→ **EXERCISE AIM**
Your answer should reproduce every line of the material in which the word "IFCCOLUMNTYPE" occurs.
##### DATA UNDER STUDY
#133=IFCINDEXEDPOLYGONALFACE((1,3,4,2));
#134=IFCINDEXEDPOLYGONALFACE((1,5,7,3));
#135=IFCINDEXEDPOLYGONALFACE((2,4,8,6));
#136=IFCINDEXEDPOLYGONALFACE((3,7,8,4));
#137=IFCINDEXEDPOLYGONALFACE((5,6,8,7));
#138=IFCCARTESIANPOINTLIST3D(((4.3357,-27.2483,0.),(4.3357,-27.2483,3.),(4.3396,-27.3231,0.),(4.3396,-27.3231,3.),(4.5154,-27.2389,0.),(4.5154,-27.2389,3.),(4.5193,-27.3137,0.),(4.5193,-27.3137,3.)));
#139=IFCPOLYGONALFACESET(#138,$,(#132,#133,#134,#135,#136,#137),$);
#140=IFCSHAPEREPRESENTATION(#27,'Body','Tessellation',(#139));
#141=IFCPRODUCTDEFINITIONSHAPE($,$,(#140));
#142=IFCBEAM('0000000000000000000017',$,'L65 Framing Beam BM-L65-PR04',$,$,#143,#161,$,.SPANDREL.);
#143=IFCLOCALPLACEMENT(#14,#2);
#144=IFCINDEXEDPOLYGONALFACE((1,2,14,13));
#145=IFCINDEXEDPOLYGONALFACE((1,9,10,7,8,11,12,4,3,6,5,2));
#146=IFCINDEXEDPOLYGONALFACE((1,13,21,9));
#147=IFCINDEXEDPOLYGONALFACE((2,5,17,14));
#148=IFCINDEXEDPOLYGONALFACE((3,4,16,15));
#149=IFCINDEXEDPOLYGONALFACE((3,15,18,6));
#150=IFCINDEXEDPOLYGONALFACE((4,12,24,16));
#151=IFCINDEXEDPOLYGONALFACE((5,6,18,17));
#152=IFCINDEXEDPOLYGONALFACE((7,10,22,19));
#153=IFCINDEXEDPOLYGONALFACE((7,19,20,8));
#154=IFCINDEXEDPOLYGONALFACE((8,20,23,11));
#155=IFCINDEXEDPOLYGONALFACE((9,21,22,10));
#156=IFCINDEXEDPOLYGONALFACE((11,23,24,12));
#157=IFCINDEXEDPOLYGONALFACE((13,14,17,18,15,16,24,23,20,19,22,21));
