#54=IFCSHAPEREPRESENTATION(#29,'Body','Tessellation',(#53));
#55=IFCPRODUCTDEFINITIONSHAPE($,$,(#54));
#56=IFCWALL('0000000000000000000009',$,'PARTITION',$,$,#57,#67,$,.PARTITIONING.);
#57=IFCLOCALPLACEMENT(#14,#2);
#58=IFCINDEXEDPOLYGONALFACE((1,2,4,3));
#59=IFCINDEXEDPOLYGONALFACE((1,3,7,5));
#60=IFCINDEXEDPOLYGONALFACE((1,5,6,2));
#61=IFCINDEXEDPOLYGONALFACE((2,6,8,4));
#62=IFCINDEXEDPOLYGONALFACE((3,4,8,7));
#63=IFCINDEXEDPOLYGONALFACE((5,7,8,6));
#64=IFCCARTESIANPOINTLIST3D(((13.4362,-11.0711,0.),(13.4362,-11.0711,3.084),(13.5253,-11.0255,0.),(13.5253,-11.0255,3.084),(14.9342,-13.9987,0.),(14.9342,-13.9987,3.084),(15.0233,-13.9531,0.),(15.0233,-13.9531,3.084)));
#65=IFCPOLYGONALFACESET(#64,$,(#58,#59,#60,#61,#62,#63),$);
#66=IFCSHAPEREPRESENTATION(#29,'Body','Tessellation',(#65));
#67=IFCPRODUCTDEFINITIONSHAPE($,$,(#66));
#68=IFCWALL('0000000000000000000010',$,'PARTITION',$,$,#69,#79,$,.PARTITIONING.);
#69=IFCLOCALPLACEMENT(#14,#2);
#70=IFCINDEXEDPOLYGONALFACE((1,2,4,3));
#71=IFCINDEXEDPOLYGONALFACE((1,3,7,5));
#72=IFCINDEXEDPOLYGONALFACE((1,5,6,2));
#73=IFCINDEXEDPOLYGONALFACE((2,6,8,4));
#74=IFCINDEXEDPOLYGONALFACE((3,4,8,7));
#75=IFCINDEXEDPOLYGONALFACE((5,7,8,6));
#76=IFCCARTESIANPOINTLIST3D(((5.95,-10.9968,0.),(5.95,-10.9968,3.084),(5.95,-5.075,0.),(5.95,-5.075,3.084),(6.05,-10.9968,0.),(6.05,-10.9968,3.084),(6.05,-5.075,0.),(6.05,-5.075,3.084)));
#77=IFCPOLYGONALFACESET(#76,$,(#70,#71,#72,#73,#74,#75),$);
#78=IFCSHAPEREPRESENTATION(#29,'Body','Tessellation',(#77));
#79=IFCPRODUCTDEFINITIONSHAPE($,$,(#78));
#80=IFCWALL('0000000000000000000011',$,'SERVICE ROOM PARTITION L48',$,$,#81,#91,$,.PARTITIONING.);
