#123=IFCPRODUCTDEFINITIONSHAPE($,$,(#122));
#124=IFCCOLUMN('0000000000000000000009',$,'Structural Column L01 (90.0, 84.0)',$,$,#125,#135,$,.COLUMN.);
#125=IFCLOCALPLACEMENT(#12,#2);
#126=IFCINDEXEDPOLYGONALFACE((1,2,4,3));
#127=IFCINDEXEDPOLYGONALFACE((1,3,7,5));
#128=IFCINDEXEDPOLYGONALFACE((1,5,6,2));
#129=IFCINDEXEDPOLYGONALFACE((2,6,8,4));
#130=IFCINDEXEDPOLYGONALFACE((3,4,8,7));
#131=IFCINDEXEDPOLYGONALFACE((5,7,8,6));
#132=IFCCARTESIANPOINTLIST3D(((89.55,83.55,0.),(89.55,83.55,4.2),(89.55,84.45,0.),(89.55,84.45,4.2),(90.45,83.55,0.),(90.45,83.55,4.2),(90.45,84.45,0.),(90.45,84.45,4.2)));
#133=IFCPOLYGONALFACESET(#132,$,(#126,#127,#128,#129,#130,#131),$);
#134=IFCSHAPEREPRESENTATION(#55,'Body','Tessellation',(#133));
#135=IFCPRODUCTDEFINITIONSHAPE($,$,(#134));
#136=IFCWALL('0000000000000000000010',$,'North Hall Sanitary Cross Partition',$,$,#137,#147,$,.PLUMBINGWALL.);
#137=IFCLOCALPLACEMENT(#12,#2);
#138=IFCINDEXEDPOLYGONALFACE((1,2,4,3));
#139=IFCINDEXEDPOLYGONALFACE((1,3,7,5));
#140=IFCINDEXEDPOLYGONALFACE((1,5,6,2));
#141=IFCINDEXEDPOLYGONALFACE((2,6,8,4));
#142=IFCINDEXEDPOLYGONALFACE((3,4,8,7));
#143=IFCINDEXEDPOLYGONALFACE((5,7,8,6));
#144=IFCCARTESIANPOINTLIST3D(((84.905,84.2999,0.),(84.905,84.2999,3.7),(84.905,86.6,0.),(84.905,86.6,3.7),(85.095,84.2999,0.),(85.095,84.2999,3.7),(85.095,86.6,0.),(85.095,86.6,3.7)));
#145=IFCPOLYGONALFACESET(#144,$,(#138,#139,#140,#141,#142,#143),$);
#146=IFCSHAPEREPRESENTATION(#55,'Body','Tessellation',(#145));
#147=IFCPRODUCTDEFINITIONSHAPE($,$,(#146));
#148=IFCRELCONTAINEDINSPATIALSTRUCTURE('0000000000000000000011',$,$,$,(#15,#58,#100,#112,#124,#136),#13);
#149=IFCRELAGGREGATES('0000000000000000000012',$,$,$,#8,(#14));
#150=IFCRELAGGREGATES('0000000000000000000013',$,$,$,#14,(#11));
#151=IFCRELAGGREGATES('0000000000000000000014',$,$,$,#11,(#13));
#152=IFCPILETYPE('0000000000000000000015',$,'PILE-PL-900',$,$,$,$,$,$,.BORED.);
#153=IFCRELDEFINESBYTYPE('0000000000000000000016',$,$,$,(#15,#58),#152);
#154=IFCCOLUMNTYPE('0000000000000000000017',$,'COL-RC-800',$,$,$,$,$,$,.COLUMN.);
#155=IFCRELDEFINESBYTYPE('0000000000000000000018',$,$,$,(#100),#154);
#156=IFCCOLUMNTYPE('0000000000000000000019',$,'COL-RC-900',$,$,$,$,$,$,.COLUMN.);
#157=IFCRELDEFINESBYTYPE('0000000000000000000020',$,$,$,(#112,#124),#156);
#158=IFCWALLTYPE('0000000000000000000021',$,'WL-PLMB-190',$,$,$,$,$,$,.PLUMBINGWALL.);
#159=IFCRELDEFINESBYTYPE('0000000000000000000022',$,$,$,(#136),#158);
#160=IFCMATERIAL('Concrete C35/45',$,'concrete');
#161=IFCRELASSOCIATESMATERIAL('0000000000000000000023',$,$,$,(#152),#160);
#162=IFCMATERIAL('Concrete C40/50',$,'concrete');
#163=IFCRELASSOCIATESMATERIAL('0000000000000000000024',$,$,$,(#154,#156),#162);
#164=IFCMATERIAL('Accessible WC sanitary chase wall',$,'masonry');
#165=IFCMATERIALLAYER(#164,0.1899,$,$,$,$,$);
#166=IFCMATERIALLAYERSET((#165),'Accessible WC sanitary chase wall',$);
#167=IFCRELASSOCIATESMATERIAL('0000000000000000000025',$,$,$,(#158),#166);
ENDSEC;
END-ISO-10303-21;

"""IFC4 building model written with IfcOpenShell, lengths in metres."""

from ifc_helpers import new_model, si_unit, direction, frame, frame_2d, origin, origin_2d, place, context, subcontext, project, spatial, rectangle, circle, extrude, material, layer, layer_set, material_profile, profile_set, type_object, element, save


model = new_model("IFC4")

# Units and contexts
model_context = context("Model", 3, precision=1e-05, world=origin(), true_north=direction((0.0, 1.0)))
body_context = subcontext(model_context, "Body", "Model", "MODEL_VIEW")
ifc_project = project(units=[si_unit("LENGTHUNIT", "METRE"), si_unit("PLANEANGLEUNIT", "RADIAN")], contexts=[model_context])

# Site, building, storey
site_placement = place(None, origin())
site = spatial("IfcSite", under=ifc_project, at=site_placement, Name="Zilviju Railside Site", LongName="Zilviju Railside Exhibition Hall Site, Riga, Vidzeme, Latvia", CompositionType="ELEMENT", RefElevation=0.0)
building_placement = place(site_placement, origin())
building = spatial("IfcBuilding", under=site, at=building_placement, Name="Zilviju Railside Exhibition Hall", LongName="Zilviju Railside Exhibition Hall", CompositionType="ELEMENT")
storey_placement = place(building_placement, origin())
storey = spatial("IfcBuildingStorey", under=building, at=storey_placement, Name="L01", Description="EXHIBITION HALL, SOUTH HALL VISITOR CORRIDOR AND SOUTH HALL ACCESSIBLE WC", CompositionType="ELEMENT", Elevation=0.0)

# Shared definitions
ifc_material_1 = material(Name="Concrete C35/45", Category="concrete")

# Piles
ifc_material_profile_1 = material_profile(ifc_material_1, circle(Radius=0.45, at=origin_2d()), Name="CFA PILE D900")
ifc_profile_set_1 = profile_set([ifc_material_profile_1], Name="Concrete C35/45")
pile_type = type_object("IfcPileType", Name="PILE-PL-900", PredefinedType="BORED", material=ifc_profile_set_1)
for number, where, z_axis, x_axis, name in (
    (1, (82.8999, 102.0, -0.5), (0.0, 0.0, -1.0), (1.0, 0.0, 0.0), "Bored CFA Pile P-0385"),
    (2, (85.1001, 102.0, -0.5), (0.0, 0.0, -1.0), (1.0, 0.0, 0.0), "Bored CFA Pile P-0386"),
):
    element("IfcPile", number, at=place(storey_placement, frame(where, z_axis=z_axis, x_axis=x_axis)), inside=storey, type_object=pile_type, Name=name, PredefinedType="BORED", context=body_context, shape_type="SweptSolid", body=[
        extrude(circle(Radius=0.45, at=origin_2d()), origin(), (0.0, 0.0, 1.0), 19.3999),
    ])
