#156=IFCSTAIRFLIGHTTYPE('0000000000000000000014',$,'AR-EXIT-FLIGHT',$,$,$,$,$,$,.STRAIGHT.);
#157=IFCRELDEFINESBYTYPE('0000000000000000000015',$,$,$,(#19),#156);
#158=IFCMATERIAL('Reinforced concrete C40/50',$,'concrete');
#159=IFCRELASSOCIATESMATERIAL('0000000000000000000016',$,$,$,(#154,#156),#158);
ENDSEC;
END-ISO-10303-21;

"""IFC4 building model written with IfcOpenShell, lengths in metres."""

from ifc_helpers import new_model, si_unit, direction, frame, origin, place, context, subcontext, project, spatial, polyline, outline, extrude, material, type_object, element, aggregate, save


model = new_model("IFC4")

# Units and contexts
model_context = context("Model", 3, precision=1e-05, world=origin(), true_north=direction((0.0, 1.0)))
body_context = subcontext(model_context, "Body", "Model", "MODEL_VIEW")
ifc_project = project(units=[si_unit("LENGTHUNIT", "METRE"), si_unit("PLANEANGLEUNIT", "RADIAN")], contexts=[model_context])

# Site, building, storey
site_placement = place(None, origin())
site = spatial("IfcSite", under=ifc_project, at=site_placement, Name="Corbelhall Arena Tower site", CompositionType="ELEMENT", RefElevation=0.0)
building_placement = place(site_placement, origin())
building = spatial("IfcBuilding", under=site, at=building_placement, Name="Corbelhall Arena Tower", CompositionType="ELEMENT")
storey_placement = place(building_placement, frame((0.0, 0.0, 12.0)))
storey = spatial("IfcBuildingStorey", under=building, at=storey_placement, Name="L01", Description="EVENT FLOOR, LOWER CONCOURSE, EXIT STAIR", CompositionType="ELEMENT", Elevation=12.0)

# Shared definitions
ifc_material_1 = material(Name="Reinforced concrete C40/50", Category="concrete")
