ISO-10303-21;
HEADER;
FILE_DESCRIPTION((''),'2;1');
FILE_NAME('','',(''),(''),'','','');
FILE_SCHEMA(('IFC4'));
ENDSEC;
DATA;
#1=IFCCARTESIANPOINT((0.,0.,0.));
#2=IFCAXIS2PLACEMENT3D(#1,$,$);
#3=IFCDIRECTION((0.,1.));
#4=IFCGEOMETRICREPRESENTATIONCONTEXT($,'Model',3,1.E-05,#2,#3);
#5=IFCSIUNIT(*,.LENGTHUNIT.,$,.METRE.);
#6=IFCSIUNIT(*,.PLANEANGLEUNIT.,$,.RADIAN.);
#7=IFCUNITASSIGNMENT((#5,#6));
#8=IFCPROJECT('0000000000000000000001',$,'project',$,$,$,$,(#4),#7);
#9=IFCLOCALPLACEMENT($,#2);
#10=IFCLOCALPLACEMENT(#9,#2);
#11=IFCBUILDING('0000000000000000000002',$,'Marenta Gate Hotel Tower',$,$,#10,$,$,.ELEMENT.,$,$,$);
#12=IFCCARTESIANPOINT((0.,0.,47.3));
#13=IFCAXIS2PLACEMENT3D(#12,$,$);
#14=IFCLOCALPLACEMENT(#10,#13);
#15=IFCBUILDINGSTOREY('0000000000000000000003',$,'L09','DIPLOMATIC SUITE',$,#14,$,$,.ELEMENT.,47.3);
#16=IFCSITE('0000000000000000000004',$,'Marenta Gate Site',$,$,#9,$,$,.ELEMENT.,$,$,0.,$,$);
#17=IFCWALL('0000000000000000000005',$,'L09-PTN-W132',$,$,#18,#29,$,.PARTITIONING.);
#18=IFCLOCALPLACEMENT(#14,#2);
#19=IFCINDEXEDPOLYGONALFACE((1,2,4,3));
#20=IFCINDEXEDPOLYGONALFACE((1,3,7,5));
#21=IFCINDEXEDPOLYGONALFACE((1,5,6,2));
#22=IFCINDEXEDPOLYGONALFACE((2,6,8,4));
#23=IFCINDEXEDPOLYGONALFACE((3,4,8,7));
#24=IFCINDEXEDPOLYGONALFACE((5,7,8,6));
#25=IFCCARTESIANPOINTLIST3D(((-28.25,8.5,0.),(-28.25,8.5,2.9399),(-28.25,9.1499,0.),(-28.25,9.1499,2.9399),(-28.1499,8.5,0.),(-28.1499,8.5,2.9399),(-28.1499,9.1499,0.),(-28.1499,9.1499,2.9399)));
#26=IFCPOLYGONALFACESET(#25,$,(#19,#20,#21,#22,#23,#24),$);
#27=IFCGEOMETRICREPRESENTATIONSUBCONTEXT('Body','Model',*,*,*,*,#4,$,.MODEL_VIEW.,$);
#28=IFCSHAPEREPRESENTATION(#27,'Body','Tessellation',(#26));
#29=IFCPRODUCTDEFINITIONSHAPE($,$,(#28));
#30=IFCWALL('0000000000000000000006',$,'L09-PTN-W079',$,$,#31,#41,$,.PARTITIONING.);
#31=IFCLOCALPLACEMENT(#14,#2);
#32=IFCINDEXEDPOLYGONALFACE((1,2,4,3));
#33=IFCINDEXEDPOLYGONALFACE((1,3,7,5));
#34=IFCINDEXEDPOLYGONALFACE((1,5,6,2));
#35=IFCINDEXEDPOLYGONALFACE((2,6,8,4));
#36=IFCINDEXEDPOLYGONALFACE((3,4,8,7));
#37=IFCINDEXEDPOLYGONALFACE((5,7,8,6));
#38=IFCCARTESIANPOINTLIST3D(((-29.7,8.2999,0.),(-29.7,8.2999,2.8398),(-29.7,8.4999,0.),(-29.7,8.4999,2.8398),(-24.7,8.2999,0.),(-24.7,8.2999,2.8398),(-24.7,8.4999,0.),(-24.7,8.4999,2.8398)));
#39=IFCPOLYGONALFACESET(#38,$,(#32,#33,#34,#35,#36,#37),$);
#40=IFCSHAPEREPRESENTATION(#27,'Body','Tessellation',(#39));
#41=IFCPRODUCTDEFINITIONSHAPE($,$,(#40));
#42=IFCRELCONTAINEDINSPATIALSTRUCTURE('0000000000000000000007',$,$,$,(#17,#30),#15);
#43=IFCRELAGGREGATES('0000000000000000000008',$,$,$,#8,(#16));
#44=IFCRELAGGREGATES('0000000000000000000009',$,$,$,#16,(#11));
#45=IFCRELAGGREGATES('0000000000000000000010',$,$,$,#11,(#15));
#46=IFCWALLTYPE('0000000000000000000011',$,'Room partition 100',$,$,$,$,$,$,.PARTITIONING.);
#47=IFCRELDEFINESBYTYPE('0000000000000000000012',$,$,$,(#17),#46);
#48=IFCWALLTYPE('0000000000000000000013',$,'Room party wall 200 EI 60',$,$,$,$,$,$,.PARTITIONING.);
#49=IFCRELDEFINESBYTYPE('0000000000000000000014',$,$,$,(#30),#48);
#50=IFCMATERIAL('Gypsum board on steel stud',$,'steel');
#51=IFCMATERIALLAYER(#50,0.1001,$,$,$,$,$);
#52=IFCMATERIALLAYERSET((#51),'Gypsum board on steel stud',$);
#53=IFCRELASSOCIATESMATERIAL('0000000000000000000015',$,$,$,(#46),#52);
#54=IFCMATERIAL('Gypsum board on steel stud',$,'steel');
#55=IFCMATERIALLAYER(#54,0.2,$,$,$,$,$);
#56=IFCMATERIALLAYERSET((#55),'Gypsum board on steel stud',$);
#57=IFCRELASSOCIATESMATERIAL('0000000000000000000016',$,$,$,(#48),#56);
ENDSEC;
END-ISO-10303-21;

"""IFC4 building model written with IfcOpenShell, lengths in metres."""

from ifc_helpers import new_model, si_unit, direction, frame, frame_2d, origin, place, context, subcontext, project, spatial, rectangle, extrude, material, layer, layer_set, type_object, element, save


model = new_model("IFC4")

# Units and contexts
model_context = context("Model", 3, precision=1e-05, world=origin(), true_north=direction((0.0, 1.0)))
body_context = subcontext(model_context, "Body", "Model", "MODEL_VIEW")
ifc_project = project(units=[si_unit("LENGTHUNIT", "METRE"), si_unit("PLANEANGLEUNIT", "RADIAN")], contexts=[model_context])

# Site, building, storey
site_placement = place(None, origin())
site = spatial("IfcSite", under=ifc_project, at=site_placement, Name="Marenta Gate Site", CompositionType="ELEMENT", RefElevation=0.0)
building_placement = place(site_placement, origin())
building = spatial("IfcBuilding", under=site, at=building_placement, Name="Marenta Gate Hotel Tower", CompositionType="ELEMENT")
storey_placement = place(building_placement, frame((0.0, 0.0, 47.3)))
storey = spatial("IfcBuildingStorey", under=building, at=storey_placement, Name="L09", Description="DIPLOMATIC SUITE", CompositionType="ELEMENT", Elevation=47.3)

# Shared definitions
ifc_material_1 = material(Name="Gypsum board on steel stud", Category="steel")
ifc_layer_1 = layer(ifc_material_1, 0.1001)
ifc_layer_set_1 = layer_set([ifc_layer_1], Name="Gypsum board on steel stud")
wall_type_1 = type_object("IfcWallType", Name="Room partition 100", PredefinedType="PARTITIONING", material=ifc_layer_set_1)

# Walls
wall_1_placement = place(storey_placement, frame((-28.2, 8.5, 0.0), z_axis=(0.0, 0.0, 1.0), x_axis=(0.0, 1.0, 0.0)))
element("IfcWall", 1, at=wall_1_placement, inside=storey, type_object=wall_type_1, Name="L09-PTN-W132", PredefinedType="PARTITIONING", context=body_context, shape_type="SweptSolid", body=[
    extrude(rectangle(XDim=0.6499, YDim=0.1001, at=frame_2d((0.325, 0.0))), origin(), (0.0, 0.0, 1.0), 2.9399),
])
ifc_material_2 = material(Name="Gypsum board on steel stud", Category="steel")
ifc_layer_2 = layer(ifc_material_2, 0.2)
ifc_layer_set_2 = layer_set([ifc_layer_2], Name="Gypsum board on steel stud")
wall_type_2 = type_object("IfcWallType", Name="Room party wall 200 EI 60", PredefinedType="PARTITIONING", material=ifc_layer_set_2)
wall_2_placement = place(storey_placement, frame((-29.7, 8.3999, 0.0), z_axis=(0.0, 0.0, 1.0), x_axis=(1.0, 0.0, 0.0)))
element("IfcWall", 2, at=wall_2_placement, inside=storey, type_object=wall_type_2, Name="L09-PTN-W079", PredefinedType="PARTITIONING", context=body_context, shape_type="SweptSolid", body=[
    extrude(rectangle(XDim=5.0, YDim=0.2, at=frame_2d((2.5, 0.0))), origin(), (0.0, 0.0, 1.0), 2.8398),
])

save(model, "model.ifc")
##########
→ **WRITTEN SOLUTION**
#154=IFCCOLUMNTYPE('0000000000000000000017',$,'COL-RC-800',$,$,$,$,$,$,.COLUMN.);
#156=IFCCOLUMNTYPE('0000000000000000000019',$,'COL-RC-900',$,$,$,$,$,$,.COLUMN.);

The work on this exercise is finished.